[Saved entries]
--

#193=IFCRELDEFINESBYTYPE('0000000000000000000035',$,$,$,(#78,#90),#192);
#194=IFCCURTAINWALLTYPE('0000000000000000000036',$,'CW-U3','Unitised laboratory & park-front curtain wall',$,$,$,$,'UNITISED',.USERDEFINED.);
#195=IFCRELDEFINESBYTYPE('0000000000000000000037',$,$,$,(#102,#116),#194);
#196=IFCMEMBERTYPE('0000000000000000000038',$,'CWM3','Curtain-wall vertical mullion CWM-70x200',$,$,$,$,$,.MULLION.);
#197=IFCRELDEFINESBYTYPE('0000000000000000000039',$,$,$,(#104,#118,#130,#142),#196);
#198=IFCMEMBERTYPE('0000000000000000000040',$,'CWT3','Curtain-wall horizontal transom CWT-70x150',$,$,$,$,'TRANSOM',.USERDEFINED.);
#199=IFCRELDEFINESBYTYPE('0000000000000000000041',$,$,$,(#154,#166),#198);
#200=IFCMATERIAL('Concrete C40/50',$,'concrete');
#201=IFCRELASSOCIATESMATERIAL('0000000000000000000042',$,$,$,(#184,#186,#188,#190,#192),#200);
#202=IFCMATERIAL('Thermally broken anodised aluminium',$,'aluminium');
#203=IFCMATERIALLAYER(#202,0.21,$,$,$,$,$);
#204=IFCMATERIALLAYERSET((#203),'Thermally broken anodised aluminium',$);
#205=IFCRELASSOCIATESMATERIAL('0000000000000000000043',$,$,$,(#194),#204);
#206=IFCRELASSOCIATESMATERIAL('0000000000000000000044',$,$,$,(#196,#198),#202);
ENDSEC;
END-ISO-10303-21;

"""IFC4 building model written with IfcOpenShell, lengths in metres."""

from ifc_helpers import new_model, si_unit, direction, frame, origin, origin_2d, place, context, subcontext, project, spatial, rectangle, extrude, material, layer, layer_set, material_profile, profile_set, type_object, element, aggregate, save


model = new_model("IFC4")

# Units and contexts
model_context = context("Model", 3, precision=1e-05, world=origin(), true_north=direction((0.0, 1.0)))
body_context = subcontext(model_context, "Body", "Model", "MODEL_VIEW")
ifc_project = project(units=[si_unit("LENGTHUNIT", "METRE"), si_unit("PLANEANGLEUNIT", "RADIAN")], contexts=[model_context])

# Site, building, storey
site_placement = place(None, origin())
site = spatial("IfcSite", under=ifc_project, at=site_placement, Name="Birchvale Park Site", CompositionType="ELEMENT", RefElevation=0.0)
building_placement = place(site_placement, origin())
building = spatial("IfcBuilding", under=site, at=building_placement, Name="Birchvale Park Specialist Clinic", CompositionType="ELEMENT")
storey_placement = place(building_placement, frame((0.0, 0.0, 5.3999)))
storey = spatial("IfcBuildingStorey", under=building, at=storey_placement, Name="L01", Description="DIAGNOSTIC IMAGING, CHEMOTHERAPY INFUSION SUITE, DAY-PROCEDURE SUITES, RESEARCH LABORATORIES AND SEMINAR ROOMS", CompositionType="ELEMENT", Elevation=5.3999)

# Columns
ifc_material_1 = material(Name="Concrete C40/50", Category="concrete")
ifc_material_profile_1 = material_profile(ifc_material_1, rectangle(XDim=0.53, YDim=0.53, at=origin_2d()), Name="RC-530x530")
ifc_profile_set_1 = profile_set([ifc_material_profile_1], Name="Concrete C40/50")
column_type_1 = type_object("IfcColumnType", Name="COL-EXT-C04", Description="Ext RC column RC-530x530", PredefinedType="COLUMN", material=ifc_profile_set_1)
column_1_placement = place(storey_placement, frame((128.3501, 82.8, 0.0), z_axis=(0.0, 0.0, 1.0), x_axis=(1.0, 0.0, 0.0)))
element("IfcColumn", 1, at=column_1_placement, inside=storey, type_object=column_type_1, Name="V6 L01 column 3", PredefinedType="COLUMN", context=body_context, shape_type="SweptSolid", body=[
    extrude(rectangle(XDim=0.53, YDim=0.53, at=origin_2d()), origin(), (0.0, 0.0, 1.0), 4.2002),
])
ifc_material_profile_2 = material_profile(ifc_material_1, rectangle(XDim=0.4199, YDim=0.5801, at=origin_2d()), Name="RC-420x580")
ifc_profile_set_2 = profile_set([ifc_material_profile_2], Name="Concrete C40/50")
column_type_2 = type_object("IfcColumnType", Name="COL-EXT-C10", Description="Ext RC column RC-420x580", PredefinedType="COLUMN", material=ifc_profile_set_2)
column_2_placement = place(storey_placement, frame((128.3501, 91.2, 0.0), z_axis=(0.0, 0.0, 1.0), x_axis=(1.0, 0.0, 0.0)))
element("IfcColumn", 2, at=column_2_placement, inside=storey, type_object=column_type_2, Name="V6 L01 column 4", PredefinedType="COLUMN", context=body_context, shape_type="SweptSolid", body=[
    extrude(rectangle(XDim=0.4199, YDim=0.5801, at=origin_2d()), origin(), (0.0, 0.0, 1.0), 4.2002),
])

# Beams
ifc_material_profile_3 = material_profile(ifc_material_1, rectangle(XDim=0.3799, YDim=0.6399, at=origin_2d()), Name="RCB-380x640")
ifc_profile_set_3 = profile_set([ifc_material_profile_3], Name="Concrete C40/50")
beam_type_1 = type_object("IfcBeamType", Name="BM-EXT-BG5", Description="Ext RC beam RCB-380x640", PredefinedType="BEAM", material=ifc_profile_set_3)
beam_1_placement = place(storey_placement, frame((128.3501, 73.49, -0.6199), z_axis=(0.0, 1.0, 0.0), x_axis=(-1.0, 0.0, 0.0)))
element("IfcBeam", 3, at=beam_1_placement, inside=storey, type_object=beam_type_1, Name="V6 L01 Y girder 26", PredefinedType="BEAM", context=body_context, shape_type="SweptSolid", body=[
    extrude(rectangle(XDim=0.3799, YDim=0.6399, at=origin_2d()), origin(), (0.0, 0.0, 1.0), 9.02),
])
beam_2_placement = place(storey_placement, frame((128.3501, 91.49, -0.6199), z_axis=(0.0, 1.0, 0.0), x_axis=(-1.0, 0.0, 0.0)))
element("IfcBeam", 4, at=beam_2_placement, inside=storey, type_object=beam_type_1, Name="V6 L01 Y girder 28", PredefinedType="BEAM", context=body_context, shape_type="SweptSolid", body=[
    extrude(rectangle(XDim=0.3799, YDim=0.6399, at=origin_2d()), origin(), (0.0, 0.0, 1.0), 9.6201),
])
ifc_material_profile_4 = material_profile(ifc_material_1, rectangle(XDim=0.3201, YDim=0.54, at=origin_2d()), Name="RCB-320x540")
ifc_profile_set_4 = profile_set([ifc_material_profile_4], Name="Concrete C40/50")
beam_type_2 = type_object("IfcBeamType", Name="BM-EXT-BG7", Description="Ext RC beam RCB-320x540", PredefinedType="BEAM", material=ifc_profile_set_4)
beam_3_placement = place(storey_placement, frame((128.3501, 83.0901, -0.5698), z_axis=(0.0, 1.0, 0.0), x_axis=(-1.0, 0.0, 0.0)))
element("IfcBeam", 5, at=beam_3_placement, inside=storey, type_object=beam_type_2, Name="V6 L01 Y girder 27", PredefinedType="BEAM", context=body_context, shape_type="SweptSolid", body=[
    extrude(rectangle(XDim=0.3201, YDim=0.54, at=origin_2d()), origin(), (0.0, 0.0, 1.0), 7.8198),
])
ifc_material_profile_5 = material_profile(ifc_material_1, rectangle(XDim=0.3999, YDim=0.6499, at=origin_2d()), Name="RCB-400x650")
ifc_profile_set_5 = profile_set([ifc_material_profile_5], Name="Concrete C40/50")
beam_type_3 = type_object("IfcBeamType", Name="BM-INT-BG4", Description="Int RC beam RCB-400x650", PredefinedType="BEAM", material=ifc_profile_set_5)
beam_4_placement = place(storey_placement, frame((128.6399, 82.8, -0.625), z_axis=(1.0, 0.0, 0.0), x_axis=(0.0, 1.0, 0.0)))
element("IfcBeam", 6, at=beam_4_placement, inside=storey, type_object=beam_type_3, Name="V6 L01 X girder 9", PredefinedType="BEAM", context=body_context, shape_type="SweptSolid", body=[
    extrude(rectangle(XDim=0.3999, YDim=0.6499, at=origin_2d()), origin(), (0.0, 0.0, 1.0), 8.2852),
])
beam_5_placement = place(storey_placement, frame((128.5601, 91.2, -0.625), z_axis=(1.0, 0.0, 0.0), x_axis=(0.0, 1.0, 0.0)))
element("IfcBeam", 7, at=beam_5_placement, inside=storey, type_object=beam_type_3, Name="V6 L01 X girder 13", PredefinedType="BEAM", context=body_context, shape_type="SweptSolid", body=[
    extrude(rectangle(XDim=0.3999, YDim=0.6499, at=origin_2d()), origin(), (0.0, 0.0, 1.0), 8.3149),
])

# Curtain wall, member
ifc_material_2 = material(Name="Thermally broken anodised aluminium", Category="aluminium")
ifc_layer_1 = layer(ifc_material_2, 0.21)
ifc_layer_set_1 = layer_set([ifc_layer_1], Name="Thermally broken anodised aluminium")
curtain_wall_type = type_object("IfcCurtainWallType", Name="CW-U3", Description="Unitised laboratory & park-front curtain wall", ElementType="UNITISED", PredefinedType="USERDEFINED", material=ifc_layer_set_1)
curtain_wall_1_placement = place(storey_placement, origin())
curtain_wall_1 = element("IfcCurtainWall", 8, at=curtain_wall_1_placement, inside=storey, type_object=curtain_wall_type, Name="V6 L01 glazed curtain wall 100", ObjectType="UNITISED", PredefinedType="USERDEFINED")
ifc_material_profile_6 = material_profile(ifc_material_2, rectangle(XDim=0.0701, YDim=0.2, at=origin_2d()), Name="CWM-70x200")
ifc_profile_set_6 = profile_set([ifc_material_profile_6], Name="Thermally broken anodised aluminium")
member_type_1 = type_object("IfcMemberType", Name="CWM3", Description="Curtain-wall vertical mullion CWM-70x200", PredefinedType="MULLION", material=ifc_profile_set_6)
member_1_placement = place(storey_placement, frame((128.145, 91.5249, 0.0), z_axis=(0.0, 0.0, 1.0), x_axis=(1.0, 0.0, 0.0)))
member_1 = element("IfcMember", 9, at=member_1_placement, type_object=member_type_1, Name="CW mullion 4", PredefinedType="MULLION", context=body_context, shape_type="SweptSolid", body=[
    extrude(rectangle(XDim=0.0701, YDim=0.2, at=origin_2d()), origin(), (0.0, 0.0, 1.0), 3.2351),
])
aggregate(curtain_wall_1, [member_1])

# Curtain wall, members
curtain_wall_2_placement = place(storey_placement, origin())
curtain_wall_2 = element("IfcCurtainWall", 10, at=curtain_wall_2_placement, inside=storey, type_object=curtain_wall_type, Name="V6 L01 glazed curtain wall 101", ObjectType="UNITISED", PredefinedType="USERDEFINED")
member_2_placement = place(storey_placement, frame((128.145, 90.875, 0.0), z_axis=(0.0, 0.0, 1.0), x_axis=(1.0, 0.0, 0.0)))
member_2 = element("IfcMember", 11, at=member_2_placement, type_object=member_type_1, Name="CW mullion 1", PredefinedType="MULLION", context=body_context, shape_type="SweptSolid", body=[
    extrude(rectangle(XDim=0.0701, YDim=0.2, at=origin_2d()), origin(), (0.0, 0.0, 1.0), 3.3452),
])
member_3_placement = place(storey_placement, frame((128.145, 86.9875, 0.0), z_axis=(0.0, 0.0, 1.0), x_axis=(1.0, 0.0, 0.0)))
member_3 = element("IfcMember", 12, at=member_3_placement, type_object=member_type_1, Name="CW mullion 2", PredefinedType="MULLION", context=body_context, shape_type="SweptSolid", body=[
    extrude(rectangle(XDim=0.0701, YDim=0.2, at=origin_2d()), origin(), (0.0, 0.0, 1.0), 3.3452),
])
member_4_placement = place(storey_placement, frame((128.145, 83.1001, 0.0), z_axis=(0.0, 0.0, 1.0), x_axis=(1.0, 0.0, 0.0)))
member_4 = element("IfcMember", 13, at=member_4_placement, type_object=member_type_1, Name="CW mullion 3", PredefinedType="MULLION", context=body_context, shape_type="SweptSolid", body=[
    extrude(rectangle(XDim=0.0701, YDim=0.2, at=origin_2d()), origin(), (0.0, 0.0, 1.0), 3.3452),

--

-- Assignment --
Each line of the data that has the string "aggregate" should be returned.

-- Answer space --
from ifc_helpers import new_model, si_unit, direction, frame, origin, origin_2d, place, context, subcontext, project, spatial, rectangle, extrude, material, layer, layer_set, material_profile, profile_set, type_object, element, aggregate, save
aggregate(curtain_wall_1, [member_1])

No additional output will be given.